- **Materials provided**:
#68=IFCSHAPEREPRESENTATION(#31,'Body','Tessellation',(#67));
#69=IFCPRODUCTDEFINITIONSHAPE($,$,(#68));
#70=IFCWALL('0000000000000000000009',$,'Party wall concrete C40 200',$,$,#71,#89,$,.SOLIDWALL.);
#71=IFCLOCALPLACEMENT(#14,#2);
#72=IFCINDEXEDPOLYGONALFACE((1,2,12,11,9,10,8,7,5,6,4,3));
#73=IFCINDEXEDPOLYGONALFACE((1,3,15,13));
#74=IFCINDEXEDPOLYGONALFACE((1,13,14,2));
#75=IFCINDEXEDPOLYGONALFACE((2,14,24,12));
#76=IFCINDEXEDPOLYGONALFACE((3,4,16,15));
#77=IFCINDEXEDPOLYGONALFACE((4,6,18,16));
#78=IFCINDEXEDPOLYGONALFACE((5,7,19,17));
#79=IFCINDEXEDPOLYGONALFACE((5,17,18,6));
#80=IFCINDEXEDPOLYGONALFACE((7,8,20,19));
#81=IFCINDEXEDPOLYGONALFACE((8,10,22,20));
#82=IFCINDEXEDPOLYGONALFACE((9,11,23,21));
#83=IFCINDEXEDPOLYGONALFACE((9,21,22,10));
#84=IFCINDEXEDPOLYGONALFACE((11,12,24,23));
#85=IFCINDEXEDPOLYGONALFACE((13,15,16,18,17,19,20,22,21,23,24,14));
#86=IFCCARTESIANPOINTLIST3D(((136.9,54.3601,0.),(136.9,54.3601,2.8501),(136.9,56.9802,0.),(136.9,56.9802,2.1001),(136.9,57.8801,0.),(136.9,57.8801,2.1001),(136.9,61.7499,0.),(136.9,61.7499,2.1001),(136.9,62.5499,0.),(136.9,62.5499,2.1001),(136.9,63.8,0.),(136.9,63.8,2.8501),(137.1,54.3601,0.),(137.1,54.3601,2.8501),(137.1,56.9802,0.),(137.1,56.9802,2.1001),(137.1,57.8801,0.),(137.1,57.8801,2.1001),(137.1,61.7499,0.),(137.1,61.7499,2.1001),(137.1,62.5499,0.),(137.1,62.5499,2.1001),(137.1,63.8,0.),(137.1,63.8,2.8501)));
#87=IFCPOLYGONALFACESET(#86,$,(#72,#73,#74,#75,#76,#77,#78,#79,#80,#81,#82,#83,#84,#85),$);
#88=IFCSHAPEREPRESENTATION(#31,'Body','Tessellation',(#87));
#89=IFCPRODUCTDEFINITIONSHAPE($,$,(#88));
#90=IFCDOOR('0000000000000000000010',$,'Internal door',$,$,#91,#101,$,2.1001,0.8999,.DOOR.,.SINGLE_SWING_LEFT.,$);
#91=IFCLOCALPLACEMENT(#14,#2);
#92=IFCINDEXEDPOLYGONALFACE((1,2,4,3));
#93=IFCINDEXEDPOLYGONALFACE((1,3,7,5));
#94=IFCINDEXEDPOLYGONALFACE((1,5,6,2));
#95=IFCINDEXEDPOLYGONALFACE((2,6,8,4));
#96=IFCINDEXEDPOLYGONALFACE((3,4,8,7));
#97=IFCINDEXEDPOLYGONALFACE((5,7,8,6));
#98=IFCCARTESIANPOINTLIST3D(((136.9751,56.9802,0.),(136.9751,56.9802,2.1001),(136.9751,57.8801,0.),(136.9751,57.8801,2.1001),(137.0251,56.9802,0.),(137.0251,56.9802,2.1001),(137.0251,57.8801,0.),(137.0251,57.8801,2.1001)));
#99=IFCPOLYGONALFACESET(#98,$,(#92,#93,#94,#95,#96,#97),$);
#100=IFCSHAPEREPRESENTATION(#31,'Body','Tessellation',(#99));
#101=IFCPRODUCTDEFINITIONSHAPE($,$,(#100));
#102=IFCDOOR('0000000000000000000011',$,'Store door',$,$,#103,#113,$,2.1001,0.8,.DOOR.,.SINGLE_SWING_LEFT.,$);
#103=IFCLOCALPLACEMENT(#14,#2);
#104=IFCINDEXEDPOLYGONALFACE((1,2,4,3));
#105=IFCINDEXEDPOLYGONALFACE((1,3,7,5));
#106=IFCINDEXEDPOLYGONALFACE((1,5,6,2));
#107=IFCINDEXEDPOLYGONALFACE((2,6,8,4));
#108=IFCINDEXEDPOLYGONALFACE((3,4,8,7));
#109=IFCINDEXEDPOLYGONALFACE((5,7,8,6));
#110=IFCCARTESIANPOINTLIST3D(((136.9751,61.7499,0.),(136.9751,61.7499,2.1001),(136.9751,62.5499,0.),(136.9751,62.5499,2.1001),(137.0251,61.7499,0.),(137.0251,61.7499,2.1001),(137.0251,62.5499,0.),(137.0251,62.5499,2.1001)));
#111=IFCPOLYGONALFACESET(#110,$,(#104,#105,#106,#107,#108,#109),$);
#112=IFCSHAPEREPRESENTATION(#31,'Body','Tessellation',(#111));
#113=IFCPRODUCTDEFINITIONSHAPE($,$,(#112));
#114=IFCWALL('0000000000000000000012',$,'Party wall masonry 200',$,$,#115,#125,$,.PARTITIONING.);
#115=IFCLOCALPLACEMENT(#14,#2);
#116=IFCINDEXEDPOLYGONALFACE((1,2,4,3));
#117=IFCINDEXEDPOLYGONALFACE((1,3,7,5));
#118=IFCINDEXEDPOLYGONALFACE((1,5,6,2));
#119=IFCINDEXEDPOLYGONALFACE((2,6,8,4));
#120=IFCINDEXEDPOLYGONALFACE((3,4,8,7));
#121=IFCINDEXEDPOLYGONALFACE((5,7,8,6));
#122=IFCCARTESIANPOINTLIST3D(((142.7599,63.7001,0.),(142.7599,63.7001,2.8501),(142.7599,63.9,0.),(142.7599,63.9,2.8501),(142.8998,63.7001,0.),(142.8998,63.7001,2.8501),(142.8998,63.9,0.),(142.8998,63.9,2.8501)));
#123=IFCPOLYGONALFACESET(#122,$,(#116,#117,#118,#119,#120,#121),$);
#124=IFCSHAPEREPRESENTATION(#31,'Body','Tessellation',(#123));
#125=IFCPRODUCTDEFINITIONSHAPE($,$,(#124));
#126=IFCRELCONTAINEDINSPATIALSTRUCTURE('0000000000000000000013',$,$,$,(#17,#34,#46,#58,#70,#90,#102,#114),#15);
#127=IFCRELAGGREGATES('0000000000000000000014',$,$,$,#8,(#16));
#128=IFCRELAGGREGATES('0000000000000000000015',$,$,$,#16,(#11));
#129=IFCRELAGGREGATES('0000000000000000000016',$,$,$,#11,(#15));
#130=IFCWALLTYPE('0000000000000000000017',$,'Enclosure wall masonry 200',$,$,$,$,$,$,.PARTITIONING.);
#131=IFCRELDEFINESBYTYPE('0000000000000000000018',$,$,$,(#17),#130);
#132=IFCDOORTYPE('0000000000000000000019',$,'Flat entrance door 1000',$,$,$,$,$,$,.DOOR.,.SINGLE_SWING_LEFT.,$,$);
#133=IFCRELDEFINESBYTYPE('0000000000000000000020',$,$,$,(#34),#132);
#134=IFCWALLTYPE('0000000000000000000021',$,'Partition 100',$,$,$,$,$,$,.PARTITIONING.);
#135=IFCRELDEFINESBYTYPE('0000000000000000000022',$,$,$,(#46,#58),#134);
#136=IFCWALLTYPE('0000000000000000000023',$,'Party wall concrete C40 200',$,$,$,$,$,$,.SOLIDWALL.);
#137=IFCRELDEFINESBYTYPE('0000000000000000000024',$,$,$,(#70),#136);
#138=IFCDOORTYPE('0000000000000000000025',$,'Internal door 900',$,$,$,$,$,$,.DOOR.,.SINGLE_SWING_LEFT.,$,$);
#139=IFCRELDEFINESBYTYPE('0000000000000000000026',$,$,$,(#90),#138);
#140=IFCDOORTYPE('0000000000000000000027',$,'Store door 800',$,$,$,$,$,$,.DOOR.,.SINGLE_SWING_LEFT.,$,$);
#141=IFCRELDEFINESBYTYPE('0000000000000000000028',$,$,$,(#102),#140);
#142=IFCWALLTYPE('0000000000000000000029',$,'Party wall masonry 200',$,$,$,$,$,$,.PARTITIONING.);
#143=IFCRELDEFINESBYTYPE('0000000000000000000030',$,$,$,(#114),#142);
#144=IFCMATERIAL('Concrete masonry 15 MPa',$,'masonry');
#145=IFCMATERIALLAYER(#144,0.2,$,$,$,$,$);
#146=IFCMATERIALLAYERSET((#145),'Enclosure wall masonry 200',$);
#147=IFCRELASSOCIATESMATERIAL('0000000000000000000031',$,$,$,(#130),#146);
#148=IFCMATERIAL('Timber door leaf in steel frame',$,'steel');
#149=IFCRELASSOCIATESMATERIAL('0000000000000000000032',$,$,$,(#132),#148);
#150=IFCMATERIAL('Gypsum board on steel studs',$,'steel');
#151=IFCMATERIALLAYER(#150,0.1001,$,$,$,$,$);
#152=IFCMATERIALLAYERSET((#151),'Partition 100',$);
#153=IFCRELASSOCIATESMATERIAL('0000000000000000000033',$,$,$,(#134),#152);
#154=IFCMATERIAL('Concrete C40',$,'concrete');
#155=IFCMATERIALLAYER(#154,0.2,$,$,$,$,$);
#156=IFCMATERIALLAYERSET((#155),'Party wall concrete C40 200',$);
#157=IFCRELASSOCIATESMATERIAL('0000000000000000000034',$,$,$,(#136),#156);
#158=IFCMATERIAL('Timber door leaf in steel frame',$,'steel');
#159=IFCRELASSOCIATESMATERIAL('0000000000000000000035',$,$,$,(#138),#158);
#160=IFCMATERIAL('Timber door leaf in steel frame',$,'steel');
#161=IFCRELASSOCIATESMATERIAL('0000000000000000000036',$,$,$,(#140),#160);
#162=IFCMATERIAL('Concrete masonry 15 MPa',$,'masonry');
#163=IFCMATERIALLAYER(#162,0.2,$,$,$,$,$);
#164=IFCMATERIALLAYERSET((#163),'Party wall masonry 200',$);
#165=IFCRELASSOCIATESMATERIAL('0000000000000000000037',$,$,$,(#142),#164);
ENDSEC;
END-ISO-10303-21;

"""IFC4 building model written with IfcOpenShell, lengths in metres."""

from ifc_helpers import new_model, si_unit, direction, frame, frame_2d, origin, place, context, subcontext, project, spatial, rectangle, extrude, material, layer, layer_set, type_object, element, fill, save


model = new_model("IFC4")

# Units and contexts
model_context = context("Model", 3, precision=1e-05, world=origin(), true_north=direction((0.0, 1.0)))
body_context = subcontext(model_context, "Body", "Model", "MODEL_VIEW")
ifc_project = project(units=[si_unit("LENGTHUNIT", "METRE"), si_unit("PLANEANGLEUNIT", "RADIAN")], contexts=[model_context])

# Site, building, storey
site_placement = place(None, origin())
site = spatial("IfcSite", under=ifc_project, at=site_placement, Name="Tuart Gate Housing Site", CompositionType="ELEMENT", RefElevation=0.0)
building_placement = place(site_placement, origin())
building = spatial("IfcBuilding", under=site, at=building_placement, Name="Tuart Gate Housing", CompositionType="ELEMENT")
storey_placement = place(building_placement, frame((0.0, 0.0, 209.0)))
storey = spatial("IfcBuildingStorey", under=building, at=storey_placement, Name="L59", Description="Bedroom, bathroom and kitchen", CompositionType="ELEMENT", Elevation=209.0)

- **Problem statement**:
Count how many lines of the data include the word "SOLIDWALL". Your reply should be that number alone.

- **Solution**:
2